Assignment:
Retype the material exactly, ending with the line containing "#19=IFCINDEXEDPOLYGONALFACE((1,2,8,7,5,6,4,3));".

======== Data ========

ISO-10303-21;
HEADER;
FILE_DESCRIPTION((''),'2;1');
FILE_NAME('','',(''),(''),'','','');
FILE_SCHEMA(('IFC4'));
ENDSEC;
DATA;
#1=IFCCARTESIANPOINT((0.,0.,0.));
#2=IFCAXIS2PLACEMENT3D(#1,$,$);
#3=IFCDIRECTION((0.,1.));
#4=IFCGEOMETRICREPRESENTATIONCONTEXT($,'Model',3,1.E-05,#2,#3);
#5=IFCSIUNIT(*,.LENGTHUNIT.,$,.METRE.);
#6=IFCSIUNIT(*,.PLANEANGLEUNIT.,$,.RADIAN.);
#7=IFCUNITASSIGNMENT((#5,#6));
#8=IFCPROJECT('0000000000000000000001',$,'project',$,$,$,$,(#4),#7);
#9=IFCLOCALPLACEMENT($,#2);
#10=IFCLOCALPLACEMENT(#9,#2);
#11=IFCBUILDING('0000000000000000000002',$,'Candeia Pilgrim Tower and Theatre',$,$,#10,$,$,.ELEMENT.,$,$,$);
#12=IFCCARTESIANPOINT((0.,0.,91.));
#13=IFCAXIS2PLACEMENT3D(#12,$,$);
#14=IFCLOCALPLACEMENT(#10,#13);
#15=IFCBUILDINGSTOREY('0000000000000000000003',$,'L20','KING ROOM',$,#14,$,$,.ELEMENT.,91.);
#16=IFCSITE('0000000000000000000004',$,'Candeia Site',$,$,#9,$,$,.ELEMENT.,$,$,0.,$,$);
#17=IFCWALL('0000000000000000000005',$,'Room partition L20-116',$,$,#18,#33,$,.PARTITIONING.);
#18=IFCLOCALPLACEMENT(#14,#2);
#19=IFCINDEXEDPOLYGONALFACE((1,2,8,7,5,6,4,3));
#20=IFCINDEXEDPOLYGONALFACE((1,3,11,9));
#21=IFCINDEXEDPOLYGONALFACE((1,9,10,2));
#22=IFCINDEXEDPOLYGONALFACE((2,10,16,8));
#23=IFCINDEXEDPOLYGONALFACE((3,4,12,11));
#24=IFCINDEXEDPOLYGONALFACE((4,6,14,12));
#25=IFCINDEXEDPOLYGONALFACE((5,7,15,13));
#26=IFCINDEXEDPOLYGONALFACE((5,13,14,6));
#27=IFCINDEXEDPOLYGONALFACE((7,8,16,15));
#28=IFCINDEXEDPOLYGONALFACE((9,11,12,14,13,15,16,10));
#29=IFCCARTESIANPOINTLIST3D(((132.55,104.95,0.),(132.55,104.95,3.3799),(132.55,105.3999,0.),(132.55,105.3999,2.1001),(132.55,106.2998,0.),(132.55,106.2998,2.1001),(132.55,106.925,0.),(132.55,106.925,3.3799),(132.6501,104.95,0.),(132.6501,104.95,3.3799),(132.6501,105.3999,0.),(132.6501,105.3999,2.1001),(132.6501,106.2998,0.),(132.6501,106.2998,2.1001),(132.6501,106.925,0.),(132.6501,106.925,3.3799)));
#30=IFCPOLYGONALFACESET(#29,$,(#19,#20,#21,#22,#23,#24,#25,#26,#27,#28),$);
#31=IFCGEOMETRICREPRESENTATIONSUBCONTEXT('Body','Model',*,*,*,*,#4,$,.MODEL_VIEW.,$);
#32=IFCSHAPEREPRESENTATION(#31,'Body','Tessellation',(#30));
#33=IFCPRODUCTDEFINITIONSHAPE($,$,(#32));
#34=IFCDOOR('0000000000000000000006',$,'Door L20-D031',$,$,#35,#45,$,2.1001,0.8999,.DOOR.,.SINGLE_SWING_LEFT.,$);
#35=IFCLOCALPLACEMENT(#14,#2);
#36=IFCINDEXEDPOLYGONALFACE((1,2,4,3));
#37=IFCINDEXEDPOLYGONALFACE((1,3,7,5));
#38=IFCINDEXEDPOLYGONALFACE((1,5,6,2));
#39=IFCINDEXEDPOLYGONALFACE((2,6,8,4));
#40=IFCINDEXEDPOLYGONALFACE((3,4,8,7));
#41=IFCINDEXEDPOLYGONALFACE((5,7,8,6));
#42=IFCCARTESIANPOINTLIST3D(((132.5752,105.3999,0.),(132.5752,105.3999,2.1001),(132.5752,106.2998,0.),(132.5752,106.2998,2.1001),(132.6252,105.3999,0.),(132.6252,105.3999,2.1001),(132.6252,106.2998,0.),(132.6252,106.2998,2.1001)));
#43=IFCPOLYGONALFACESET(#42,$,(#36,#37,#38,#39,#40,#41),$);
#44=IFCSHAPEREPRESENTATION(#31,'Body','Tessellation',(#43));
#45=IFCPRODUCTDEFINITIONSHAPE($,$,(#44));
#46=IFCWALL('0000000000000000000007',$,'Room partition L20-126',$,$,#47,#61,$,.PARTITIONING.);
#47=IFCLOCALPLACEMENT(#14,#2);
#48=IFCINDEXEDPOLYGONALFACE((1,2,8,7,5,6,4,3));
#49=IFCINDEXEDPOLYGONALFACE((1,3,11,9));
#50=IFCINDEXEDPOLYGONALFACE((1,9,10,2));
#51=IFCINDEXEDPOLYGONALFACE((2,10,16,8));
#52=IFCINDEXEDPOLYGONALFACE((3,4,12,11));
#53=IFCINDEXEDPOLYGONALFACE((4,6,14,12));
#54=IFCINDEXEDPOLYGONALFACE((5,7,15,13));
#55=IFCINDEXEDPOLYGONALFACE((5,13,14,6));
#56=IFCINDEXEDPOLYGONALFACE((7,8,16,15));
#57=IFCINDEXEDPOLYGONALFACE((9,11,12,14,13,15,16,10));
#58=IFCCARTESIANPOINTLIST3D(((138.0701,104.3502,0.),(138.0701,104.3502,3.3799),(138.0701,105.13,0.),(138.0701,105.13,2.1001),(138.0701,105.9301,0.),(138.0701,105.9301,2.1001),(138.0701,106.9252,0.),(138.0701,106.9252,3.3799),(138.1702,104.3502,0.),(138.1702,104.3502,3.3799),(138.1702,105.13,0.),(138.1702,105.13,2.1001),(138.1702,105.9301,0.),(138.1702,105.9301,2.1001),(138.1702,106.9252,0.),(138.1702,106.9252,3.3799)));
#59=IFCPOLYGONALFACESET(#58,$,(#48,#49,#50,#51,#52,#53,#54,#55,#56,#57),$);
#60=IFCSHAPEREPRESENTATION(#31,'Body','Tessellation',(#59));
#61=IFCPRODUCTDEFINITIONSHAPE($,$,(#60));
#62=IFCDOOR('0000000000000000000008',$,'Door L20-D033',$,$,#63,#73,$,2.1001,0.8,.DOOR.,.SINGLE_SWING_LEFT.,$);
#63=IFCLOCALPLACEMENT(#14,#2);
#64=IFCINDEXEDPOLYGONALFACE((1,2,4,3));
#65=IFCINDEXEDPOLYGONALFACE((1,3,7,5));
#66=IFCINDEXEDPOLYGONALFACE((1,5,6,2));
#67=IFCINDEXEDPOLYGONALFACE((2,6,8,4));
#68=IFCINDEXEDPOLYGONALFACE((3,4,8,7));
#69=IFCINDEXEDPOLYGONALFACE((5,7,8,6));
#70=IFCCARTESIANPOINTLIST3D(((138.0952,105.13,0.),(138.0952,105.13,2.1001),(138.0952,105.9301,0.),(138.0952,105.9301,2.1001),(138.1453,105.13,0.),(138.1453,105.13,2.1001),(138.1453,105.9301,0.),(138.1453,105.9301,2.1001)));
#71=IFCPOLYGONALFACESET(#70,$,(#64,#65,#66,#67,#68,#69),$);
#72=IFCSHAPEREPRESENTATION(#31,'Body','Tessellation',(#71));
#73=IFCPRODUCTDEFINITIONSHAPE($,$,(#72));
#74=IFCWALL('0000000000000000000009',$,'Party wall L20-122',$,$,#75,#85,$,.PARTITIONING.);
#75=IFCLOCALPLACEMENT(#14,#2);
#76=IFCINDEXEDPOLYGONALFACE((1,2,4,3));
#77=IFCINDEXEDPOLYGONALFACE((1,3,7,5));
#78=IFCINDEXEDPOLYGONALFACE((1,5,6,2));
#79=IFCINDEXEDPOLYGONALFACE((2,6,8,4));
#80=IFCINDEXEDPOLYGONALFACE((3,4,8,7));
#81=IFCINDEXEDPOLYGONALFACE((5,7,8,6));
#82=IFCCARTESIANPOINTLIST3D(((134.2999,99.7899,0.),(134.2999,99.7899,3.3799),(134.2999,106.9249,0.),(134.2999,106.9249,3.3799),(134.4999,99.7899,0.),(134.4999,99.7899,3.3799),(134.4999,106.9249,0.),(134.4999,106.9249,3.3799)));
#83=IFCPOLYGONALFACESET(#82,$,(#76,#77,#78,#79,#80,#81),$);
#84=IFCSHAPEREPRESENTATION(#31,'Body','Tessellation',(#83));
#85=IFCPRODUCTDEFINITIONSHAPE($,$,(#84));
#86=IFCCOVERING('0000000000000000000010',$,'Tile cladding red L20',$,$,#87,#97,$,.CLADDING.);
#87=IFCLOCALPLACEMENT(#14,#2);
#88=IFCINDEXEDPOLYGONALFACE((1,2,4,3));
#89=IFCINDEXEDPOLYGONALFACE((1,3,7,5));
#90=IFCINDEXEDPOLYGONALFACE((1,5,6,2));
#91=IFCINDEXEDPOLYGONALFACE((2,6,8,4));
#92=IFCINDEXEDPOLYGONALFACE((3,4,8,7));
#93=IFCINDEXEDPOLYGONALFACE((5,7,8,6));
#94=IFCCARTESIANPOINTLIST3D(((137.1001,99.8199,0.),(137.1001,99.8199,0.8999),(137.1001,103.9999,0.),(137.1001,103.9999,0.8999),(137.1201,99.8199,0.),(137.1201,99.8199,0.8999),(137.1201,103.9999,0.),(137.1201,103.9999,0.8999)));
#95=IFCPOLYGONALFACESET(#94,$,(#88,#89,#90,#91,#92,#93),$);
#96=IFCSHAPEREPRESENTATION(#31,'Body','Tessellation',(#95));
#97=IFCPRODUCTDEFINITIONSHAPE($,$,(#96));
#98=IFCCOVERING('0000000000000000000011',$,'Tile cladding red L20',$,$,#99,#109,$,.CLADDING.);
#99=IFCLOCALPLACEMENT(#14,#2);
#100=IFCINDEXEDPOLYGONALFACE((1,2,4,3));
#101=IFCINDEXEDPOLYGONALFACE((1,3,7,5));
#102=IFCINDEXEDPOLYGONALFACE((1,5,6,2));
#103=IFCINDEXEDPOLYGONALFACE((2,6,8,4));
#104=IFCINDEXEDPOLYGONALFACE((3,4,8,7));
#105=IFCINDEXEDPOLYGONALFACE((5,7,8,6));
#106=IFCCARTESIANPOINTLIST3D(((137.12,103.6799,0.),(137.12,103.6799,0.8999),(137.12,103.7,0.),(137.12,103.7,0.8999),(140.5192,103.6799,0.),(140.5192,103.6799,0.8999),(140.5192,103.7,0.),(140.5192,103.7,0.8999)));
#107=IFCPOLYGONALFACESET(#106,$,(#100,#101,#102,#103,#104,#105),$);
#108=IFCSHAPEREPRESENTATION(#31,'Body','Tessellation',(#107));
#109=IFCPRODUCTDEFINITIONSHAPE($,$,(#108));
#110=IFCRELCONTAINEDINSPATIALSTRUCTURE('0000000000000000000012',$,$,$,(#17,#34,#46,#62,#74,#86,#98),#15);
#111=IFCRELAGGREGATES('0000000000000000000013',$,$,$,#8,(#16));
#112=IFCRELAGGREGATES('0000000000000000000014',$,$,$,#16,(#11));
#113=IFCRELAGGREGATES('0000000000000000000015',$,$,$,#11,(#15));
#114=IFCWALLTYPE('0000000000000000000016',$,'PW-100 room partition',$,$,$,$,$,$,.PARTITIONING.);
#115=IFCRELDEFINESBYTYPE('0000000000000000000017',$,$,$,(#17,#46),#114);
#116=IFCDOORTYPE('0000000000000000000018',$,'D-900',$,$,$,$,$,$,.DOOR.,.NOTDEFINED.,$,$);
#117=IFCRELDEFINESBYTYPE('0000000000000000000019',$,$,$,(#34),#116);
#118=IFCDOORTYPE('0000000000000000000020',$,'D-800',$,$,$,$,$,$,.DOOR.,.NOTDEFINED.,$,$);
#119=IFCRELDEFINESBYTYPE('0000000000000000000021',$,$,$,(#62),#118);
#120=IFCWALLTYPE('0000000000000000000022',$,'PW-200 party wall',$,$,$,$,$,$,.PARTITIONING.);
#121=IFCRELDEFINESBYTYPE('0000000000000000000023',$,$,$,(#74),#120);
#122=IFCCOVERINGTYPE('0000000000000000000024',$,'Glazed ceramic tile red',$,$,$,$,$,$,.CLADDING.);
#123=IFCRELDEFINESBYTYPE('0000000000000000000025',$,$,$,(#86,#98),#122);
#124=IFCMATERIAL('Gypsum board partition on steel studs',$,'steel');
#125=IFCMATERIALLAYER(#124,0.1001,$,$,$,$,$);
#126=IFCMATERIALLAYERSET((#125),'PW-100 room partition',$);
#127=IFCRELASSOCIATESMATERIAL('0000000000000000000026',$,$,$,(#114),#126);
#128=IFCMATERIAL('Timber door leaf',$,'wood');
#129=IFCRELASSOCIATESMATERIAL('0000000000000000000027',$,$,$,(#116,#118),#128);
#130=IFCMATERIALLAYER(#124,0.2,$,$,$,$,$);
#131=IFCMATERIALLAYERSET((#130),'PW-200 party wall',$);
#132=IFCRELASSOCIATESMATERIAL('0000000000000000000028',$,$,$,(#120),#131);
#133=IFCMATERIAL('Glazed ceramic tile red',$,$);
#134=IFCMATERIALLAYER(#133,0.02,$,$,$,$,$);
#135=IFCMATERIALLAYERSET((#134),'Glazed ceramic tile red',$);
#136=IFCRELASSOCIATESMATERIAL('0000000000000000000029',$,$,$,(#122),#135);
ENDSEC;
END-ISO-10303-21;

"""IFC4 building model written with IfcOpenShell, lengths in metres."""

from ifc_helpers import new_model, si_unit, direction, frame, frame_2d, origin, origin_2d, place, context, subcontext, project, spatial, rectangle, extrude, material, layer, layer_set, type_object, element, fill, save


model = new_model("IFC4")

# Units and contexts
model_context = context("Model", 3, precision=1e-05, world=origin(), true_north=direction((0.0, 1.0)))
body_context = subcontext(model_context, "Body", "Model", "MODEL_VIEW")
ifc_project = project(units=[si_unit("LENGTHUNIT", "METRE"), si_unit("PLANEANGLEUNIT", "RADIAN")], contexts=[model_context])

# Site, building, storey
site_placement = place(None, origin())
site = spatial("IfcSite", under=ifc_project, at=site_placement, Name="Candeia Site", CompositionType="ELEMENT", RefElevation=0.0)
building_placement = place(site_placement, origin())
building = spatial("IfcBuilding", under=site, at=building_placement, Name="Candeia Pilgrim Tower and Theatre", CompositionType="ELEMENT")
storey_placement = place(building_placement, frame((0.0, 0.0, 91.0)))
storey = spatial("IfcBuildingStorey", under=building, at=storey_placement, Name="L20", Description="KING ROOM", CompositionType="ELEMENT", Elevation=91.0)

# Shared definitions
ifc_material_1 = material(Name="Gypsum board partition on steel studs", Category="steel")
ifc_layer_1 = layer(ifc_material_1, 0.1001)
ifc_layer_set_1 = layer_set([ifc_layer_1], Name="PW-100 room partition")
wall_type_1 = type_object("IfcWallType", Name="PW-100 room partition", PredefinedType="PARTITIONING", material=ifc_layer_set_1)

# Walls, openings, doors
wall_1_placement = place(storey_placement, frame((132.6001, 104.95, 0.0), z_axis=(0.0, 0.0, 1.0), x_axis=(0.0, 1.0, 0.0)))
wall_1 = element("IfcWall", 1, at=wall_1_placement, inside=storey, type_object=wall_type_1, Name="Room partition L20-116", PredefinedType="PARTITIONING", context=body_context, shape_type="SweptSolid", body=[
    extrude(rectangle(XDim=1.9751, YDim=0.1001, at=frame_2d((0.9875, 0.0))), origin(), (0.0, 0.0, 1.0), 3.3799),
])
opening_1_placement = place(wall_1_placement, frame((0.45, 0.0, 0.0)))
opening_1 = element("IfcOpeningElement", 2, at=opening_1_placement, cuts=wall_1, PredefinedType="OPENING", context=body_context, shape_type="SweptSolid", body=[
    extrude(rectangle(XDim=0.8999, YDim=2.1001, at=frame_2d((0.45, 1.05))), frame((0.0, 0.0601, 0.0), z_axis=(0.0, -1.0, 0.0), x_axis=(1.0, 0.0, 0.0)), (0.0, 0.0, 1.0), 0.1201),
])
ifc_material_2 = material(Name="Timber door leaf", Category="wood")
door_type_1 = type_object("IfcDoorType", Name="D-900", OperationType="NOTDEFINED", PredefinedType="DOOR", material=ifc_material_2)
door_1_placement = place(opening_1_placement, origin())
door_1 = element("IfcDoor", 3, at=door_1_placement, inside=storey, type_object=door_type_1, Name="Door L20-D031", OperationType="SINGLE_SWING_LEFT", OverallHeight=2.1001, OverallWidth=0.8999, PredefinedType="DOOR", context=body_context, shape_type="SweptSolid", body=[
    extrude(rectangle(XDim=0.8999, YDim=2.1001, at=frame_2d((0.45, 1.05))), frame((0.0, 0.0249, 0.0), z_axis=(0.0, -1.0, 0.0), x_axis=(1.0, 0.0, 0.0)), (0.0, 0.0, 1.0), 0.05),
])
fill(opening_1, door_1)
wall_2_placement = place(storey_placement, frame((138.1201, 104.3501, 0.0), z_axis=(0.0, 0.0, 1.0), x_axis=(0.0, 1.0, 0.0)))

========

The answer:
ISO-10303-21;
HEADER;
FILE_DESCRIPTION((''),'2;1');
FILE_NAME('','',(''),(''),'','','');
FILE_SCHEMA(('IFC4'));
ENDSEC;
DATA;
#1=IFCCARTESIANPOINT((0.,0.,0.));
#2=IFCAXIS2PLACEMENT3D(#1,$,$);
#3=IFCDIRECTION((0.,1.));
#4=IFCGEOMETRICREPRESENTATIONCONTEXT($,'Model',3,1.E-05,#2,#3);
#5=IFCSIUNIT(*,.LENGTHUNIT.,$,.METRE.);
#6=IFCSIUNIT(*,.PLANEANGLEUNIT.,$,.RADIAN.);
#7=IFCUNITASSIGNMENT((#5,#6));
#8=IFCPROJECT('0000000000000000000001',$,'project',$,$,$,$,(#4),#7);
#9=IFCLOCALPLACEMENT($,#2);
#10=IFCLOCALPLACEMENT(#9,#2);
#11=IFCBUILDING('0000000000000000000002',$,'Candeia Pilgrim Tower and Theatre',$,$,#10,$,$,.ELEMENT.,$,$,$);
#12=IFCCARTESIANPOINT((0.,0.,91.));
#13=IFCAXIS2PLACEMENT3D(#12,$,$);
#14=IFCLOCALPLACEMENT(#10,#13);
#15=IFCBUILDINGSTOREY('0000000000000000000003',$,'L20','KING ROOM',$,#14,$,$,.ELEMENT.,91.);
#16=IFCSITE('0000000000000000000004',$,'Candeia Site',$,$,#9,$,$,.ELEMENT.,$,$,0.,$,$);
#17=IFCWALL('0000000000000000000005',$,'Room partition L20-116',$,$,#18,#33,$,.PARTITIONING.);
#18=IFCLOCALPLACEMENT(#14,#2);
#19=IFCINDEXEDPOLYGONALFACE((1,2,8,7,5,6,4,3));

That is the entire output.